▼

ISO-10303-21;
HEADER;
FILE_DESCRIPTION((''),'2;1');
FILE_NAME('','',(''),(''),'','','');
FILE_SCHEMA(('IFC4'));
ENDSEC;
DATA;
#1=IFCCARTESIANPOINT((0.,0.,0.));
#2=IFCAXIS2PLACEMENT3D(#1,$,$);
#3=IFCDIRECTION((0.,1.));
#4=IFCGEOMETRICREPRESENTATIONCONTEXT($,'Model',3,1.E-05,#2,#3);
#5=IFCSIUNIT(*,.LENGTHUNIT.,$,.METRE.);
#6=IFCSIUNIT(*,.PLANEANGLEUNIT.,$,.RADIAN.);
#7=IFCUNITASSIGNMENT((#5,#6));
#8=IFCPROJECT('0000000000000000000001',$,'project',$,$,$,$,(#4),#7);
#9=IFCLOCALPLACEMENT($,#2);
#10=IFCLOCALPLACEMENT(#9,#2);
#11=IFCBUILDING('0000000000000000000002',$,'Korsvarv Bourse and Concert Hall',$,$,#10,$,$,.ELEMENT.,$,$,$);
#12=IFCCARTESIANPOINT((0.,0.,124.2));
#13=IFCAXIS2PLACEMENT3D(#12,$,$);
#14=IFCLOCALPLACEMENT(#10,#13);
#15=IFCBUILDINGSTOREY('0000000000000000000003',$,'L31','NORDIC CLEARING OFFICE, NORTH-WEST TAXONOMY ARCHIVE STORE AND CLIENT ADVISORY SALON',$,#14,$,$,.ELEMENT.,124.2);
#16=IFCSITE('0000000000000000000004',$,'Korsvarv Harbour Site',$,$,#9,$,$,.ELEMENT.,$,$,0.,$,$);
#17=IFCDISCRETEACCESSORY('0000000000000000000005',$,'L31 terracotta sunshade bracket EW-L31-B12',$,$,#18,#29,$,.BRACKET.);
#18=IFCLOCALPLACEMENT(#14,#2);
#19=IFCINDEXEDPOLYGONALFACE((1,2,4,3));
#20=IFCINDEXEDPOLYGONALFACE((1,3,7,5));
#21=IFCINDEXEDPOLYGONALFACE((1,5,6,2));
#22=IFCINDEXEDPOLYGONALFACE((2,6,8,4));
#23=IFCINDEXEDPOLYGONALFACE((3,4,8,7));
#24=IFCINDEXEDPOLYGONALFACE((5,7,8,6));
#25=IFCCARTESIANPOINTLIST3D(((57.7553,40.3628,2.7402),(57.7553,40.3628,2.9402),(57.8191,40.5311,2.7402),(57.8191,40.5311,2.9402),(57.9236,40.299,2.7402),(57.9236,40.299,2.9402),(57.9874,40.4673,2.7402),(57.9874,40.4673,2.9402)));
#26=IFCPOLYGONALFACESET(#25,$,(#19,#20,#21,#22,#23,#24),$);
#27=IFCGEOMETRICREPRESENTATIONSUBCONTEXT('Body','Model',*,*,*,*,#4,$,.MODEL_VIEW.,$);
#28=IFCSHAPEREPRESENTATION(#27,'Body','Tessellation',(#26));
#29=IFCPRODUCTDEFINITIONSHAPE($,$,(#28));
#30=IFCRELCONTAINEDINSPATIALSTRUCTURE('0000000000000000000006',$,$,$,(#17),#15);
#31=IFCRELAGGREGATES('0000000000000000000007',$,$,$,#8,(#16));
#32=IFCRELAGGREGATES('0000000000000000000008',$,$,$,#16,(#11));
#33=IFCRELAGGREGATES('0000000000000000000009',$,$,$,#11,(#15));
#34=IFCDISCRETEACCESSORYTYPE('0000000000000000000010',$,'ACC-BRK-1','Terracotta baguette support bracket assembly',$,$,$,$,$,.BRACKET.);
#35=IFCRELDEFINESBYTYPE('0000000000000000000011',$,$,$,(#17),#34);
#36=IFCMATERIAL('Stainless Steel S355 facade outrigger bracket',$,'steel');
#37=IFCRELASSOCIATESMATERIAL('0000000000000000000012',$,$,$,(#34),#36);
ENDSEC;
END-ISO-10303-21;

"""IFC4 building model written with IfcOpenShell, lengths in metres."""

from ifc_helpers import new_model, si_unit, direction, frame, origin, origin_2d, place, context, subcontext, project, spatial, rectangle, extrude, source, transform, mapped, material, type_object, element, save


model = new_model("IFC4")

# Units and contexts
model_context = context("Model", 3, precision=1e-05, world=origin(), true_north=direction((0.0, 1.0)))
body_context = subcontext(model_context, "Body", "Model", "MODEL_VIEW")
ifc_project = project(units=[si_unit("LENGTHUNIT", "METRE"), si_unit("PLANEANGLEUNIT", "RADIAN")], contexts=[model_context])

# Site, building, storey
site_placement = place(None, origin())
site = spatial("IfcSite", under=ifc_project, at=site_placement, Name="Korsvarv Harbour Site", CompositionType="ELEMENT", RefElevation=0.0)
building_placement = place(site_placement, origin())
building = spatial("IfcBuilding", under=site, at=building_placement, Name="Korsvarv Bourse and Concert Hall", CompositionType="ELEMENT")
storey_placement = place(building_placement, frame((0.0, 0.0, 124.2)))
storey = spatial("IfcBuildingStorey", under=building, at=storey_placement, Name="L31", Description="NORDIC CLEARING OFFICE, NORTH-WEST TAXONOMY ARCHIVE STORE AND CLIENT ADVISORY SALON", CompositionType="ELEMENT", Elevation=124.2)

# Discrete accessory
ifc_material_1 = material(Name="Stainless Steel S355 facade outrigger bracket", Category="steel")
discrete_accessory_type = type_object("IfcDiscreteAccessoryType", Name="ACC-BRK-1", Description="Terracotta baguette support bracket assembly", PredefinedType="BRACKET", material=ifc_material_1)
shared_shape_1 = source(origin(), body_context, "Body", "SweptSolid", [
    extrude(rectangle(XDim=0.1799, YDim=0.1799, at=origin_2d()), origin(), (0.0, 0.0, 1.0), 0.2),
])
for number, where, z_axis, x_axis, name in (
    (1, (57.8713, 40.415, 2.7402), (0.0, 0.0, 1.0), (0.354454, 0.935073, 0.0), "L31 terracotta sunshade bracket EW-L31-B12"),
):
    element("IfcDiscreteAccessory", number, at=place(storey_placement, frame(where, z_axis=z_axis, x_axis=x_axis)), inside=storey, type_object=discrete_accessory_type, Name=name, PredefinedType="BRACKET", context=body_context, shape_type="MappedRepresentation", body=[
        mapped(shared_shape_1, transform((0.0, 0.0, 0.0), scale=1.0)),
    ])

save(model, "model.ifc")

▲

Task statement:
Copy only this part of the entries above: the line with "#26=IFCPOLYGONALFACESET(#25,$,(#19,#20,#21,#22,#23,#24),$);", the line with "END-ISO-10303-21;", and the lines between, all exactly as written.

Written reply:
#26=IFCPOLYGONALFACESET(#25,$,(#19,#20,#21,#22,#23,#24),$);
#27=IFCGEOMETRICREPRESENTATIONSUBCONTEXT('Body','Model',*,*,*,*,#4,$,.MODEL_VIEW.,$);
#28=IFCSHAPEREPRESENTATION(#27,'Body','Tessellation',(#26));
#29=IFCPRODUCTDEFINITIONSHAPE($,$,(#28));
#30=IFCRELCONTAINEDINSPATIALSTRUCTURE('0000000000000000000006',$,$,$,(#17),#15);
#31=IFCRELAGGREGATES('0000000000000000000007',$,$,$,#8,(#16));
#32=IFCRELAGGREGATES('0000000000000000000008',$,$,$,#16,(#11));
#33=IFCRELAGGREGATES('0000000000000000000009',$,$,$,#11,(#15));
#34=IFCDISCRETEACCESSORYTYPE('0000000000000000000010',$,'ACC-BRK-1','Terracotta baguette support bracket assembly',$,$,$,$,$,.BRACKET.);
#35=IFCRELDEFINESBYTYPE('0000000000000000000011',$,$,$,(#17),#34);
#36=IFCMATERIAL('Stainless Steel S355 facade outrigger bracket',$,'steel');
#37=IFCRELASSOCIATESMATERIAL('0000000000000000000012',$,$,$,(#34),#36);
ENDSEC;
END-ISO-10303-21;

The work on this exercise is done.